Source information
>>>

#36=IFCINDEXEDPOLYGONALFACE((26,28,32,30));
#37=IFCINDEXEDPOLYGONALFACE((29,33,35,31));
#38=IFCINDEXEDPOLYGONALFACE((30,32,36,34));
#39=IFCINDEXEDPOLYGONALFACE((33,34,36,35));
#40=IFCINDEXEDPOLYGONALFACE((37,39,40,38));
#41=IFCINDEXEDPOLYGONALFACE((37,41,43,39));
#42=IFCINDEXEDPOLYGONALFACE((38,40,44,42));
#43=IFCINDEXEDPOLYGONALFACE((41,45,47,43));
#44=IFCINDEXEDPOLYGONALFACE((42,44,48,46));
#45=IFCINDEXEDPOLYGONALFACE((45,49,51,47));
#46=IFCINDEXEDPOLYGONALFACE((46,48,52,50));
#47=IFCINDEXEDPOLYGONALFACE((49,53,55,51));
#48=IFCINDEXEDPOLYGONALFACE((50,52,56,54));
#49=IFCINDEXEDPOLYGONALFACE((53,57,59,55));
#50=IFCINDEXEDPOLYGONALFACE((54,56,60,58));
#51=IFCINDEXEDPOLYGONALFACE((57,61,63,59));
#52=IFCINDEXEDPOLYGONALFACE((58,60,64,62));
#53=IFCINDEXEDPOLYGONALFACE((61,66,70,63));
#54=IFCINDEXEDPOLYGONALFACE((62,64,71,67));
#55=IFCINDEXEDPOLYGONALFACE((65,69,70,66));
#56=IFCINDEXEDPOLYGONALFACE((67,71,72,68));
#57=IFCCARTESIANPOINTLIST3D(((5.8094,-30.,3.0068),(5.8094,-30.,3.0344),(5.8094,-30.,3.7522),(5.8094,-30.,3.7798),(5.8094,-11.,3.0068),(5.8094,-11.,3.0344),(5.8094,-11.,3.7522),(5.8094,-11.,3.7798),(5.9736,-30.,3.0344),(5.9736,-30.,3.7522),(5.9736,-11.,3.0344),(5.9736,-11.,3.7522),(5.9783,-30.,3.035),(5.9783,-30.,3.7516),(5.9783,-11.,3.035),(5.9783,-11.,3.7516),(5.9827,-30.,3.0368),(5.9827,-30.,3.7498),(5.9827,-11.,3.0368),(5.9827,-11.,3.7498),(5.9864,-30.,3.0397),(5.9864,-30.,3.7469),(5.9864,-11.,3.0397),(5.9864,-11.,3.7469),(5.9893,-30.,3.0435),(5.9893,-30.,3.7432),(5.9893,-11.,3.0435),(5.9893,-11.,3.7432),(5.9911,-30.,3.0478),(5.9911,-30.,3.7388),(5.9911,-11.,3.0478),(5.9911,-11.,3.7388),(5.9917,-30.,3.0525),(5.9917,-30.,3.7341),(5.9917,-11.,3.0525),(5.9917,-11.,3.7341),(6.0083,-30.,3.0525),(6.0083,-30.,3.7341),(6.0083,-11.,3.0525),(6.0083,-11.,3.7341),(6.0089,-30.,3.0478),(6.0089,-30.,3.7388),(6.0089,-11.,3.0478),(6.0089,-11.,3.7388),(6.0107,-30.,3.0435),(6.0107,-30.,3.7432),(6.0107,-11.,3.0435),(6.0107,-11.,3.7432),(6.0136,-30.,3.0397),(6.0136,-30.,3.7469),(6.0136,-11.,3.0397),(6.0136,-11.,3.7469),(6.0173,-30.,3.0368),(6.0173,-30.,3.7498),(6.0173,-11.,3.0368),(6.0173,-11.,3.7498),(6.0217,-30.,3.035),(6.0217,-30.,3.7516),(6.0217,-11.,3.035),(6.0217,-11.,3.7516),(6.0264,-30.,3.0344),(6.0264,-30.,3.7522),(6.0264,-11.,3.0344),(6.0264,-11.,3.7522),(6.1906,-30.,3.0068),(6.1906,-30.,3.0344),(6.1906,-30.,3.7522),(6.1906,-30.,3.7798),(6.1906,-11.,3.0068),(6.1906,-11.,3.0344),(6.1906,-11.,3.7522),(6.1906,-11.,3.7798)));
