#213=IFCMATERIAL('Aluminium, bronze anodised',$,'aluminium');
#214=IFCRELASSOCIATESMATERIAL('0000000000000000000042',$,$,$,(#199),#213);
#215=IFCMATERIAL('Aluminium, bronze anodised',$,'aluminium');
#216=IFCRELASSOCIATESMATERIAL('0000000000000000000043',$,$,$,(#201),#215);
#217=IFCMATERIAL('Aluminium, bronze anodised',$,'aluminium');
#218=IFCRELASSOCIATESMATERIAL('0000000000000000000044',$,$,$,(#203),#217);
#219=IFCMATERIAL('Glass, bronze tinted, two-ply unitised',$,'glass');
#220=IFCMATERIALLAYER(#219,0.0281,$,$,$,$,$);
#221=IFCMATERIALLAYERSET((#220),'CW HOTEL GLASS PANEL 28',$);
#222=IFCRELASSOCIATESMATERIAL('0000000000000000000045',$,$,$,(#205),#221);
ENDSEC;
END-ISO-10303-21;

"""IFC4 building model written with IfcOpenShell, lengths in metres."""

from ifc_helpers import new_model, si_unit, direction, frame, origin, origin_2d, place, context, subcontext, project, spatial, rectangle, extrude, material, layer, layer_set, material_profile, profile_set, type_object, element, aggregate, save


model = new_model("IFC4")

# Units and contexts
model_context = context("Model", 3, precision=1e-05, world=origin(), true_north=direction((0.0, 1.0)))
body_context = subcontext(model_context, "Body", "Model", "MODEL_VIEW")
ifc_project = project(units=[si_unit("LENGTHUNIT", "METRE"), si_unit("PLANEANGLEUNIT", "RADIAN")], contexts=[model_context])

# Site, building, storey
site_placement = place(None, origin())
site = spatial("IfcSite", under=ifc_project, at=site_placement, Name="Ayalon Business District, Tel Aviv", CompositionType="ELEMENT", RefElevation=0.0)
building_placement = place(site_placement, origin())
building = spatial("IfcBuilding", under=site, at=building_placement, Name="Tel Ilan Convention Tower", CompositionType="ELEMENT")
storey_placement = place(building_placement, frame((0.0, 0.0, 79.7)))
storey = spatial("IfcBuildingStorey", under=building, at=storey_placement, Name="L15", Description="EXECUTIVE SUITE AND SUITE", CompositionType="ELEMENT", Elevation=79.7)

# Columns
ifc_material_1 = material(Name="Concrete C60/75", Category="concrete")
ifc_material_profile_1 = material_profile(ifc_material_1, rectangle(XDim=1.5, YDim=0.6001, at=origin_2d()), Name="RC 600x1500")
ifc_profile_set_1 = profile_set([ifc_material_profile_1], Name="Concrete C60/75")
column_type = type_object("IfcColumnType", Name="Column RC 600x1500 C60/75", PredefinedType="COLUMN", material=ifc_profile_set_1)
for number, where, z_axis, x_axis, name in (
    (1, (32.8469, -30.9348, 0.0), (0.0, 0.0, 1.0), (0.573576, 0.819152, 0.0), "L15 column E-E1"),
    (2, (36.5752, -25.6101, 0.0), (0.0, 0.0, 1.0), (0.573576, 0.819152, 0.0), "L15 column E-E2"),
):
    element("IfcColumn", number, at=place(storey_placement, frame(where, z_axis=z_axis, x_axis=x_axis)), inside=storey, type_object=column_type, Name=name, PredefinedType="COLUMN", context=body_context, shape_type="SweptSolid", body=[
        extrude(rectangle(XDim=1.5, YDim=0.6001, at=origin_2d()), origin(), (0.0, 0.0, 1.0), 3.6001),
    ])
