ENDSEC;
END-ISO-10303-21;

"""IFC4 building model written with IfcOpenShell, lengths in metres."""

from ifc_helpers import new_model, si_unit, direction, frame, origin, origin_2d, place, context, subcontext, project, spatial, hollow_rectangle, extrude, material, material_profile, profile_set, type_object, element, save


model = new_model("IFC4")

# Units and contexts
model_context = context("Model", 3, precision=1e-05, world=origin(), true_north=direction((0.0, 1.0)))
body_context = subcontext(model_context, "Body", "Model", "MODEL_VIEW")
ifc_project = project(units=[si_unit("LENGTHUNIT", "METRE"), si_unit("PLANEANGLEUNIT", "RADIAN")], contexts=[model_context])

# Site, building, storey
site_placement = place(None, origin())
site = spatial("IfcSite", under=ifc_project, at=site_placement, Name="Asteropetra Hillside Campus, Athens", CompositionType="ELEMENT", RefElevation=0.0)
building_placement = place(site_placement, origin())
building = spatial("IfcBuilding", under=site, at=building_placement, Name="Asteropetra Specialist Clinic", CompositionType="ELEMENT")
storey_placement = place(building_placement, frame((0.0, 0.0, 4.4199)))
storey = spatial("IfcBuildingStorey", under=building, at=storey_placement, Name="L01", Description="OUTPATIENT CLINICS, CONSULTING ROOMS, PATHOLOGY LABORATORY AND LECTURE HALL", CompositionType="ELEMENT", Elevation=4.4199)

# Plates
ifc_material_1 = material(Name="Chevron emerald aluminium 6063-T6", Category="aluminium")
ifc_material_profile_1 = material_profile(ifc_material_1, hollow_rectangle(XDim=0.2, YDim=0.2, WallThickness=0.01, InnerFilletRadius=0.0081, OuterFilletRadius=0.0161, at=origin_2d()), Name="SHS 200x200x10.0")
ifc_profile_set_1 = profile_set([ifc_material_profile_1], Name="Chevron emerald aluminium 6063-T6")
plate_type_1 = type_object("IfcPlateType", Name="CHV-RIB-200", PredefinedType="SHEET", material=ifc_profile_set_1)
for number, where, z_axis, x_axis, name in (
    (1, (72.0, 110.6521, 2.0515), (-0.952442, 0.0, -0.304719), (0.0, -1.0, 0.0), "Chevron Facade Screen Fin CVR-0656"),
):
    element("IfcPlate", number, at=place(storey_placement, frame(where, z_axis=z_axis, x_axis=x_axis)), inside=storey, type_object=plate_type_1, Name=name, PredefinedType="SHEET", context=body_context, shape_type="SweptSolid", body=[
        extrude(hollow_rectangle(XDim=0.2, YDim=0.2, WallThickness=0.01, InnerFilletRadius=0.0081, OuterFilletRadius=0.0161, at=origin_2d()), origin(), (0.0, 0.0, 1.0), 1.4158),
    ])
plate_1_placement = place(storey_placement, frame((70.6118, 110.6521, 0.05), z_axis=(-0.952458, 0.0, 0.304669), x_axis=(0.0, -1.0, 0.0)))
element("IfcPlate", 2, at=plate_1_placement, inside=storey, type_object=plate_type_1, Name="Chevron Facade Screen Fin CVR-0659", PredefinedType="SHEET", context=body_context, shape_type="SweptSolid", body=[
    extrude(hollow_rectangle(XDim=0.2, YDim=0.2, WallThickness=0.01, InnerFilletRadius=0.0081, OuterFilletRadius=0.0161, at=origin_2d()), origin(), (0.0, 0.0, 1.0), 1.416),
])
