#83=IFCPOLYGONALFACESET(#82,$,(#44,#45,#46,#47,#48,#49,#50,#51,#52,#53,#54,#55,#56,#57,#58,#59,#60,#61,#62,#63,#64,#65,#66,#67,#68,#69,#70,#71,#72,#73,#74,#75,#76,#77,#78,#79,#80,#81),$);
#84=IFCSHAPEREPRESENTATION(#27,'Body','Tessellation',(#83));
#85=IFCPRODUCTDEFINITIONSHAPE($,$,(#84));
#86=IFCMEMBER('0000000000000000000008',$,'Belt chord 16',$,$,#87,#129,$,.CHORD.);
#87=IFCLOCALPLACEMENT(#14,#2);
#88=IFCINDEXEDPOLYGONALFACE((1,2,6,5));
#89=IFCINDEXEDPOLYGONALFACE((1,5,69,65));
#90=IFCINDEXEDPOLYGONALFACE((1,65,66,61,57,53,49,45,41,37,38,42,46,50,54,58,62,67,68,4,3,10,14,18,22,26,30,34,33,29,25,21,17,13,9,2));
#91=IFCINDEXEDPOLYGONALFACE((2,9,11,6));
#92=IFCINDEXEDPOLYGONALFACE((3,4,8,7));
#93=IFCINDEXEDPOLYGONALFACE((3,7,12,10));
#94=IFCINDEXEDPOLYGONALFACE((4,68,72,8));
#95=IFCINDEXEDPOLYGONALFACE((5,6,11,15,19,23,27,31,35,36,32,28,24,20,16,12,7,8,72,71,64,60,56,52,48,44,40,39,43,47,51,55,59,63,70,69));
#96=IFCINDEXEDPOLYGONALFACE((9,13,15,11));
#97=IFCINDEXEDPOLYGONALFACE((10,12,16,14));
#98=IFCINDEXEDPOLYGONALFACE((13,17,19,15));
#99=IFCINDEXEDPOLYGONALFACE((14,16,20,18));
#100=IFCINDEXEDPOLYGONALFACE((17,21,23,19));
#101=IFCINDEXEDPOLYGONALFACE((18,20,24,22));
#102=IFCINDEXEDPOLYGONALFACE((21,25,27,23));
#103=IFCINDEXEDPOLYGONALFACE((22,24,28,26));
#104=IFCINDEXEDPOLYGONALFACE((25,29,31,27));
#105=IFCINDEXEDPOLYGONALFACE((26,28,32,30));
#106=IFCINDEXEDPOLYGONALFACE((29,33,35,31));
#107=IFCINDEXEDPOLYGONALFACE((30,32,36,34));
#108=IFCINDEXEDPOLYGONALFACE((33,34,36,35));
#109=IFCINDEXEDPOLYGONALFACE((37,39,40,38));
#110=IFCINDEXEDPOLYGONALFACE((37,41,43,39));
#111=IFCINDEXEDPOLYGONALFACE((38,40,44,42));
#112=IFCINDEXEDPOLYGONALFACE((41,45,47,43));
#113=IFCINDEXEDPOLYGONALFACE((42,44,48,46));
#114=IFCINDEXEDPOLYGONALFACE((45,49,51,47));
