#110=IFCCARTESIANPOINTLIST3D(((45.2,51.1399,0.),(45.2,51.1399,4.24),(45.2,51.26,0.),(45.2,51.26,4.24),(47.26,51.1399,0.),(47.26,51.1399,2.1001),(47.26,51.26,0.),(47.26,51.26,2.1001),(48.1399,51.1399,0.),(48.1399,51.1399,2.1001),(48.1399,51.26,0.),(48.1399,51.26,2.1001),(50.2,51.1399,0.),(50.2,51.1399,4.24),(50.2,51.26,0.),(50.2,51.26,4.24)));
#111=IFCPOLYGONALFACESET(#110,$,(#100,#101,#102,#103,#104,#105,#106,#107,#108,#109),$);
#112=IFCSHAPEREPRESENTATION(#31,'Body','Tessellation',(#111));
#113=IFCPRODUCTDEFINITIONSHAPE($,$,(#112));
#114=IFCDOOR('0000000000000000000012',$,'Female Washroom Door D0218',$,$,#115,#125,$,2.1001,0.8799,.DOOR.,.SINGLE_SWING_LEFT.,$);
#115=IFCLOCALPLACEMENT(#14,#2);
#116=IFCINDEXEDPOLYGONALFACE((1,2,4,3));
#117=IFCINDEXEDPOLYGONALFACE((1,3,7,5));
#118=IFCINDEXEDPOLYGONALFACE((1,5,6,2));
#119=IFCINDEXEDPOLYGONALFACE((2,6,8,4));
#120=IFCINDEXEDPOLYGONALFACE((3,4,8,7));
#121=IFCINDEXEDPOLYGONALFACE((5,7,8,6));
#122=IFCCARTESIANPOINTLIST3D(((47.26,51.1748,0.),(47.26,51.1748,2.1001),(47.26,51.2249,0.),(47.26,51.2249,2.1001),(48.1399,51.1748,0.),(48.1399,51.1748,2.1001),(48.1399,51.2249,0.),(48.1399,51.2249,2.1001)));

<<<

Of all the entries above, output exactly the lines between the one holding "#93=IFCINDEXEDPOLYGONALFACE((3,7,12,10));" and the one holding "#97=IFCINDEXEDPOLYGONALFACE((10,12,16,14));", inclusive.

#93=IFCINDEXEDPOLYGONALFACE((3,7,12,10));
#94=IFCINDEXEDPOLYGONALFACE((4,68,72,8));
#95=IFCINDEXEDPOLYGONALFACE((5,6,11,15,19,23,27,31,35,36,32,28,24,20,16,12,7,8,72,71,64,60,56,52,48,44,40,39,43,47,51,55,59,63,70,69));
#96=IFCINDEXEDPOLYGONALFACE((9,13,15,11));
#97=IFCINDEXEDPOLYGONALFACE((10,12,16,14));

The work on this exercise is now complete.